### Task description:
Scan the records below and copy every line that contains the string "IFCPOLYGONALFACESET".

### Listed records:

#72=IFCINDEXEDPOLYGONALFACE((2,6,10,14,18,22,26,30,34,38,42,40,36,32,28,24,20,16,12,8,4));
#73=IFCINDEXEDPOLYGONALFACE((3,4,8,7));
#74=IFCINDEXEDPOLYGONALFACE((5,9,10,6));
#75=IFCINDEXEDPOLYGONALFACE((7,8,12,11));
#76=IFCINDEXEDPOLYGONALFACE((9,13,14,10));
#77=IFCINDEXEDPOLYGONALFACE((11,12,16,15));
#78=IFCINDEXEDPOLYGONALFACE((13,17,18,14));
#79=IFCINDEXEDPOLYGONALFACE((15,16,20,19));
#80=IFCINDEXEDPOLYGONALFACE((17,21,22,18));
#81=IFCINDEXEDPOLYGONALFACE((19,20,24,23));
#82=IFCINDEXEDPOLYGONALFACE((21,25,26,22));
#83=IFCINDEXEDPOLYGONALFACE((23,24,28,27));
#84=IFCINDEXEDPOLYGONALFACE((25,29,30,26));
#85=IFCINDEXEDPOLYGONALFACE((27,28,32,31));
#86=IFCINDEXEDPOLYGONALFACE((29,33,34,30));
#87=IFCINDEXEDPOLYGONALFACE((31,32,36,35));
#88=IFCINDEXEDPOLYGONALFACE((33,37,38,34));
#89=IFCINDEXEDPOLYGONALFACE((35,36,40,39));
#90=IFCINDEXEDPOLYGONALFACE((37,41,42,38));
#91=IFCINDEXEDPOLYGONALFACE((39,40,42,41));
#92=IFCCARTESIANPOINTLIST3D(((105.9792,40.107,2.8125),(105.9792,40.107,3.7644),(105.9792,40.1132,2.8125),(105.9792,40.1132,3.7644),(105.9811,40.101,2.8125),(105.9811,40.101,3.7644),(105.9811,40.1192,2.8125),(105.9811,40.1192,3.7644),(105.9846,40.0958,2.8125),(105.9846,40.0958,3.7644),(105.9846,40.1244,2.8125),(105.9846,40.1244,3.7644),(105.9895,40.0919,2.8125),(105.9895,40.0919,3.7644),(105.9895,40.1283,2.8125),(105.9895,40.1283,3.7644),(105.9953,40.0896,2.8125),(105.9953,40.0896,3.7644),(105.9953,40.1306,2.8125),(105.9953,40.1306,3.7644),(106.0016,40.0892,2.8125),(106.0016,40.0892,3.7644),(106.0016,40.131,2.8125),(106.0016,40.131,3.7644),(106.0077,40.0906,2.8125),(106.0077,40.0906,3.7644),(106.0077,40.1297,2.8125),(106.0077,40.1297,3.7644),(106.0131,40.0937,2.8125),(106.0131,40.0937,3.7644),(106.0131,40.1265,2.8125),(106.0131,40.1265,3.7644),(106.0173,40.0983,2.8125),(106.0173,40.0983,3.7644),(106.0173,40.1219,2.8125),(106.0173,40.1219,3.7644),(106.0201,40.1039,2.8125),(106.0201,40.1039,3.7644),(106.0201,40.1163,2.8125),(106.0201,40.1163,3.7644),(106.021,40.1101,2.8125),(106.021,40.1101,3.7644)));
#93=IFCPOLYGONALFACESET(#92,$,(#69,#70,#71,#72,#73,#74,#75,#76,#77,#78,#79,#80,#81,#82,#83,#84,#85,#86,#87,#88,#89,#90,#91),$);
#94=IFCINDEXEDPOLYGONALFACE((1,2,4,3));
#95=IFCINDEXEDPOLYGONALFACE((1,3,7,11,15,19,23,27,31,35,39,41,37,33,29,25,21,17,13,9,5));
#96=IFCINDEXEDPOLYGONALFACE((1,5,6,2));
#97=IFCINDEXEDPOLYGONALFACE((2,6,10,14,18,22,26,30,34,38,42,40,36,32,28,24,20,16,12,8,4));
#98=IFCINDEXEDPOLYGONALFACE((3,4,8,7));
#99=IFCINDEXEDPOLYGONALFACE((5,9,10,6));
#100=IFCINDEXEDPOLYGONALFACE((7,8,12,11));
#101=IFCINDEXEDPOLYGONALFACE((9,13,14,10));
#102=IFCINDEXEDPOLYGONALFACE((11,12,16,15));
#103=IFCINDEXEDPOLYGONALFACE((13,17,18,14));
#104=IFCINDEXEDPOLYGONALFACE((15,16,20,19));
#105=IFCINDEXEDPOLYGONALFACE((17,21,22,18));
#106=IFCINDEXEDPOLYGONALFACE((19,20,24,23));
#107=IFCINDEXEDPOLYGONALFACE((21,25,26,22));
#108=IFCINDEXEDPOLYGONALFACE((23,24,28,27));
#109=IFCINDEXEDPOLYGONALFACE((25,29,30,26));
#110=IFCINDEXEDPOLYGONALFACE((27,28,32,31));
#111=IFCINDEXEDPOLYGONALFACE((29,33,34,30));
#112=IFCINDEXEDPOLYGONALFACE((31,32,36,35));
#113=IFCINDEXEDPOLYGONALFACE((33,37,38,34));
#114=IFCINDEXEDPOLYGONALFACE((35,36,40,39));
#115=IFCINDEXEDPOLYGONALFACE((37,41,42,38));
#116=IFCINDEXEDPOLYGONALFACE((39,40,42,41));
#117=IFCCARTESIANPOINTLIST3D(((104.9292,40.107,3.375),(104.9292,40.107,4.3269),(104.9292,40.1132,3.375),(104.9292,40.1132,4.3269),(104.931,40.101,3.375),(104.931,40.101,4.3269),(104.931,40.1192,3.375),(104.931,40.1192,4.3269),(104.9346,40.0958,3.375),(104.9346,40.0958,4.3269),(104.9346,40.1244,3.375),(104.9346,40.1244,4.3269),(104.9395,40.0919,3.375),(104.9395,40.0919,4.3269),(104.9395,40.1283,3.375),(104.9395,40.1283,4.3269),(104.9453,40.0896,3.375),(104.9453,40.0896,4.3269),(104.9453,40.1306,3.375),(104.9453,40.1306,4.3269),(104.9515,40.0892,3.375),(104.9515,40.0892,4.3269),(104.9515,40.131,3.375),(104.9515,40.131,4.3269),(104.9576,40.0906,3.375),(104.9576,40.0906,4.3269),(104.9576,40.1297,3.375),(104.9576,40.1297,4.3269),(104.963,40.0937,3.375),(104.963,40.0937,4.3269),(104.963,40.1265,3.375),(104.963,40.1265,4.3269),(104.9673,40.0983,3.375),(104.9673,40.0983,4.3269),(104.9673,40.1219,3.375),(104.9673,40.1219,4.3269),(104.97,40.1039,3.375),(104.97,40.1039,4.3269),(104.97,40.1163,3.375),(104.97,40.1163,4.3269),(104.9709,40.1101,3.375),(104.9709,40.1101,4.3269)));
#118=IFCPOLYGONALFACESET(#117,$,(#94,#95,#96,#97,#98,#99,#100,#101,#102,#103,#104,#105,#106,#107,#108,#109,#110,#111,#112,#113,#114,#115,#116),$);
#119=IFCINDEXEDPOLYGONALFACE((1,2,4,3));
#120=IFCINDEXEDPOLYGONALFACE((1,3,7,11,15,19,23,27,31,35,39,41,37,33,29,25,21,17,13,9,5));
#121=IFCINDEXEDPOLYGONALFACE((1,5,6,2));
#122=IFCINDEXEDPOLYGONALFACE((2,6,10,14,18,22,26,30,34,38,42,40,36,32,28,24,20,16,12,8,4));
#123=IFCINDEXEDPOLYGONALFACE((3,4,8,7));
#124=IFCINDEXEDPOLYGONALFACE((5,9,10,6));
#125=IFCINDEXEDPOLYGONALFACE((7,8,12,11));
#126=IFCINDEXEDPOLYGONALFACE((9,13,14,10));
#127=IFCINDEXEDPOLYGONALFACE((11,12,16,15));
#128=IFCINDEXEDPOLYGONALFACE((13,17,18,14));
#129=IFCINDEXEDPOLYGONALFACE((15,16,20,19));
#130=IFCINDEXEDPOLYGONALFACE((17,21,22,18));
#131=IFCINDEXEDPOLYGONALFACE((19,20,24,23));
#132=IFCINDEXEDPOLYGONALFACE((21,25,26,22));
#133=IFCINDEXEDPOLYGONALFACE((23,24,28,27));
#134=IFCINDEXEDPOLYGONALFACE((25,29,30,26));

### Answer to the exercise:
#93=IFCPOLYGONALFACESET(#92,$,(#69,#70,#71,#72,#73,#74,#75,#76,#77,#78,#79,#80,#81,#82,#83,#84,#85,#86,#87,#88,#89,#90,#91),$);
#118=IFCPOLYGONALFACESET(#117,$,(#94,#95,#96,#97,#98,#99,#100,#101,#102,#103,#104,#105,#106,#107,#108,#109,#110,#111,#112,#113,#114,#115,#116),$);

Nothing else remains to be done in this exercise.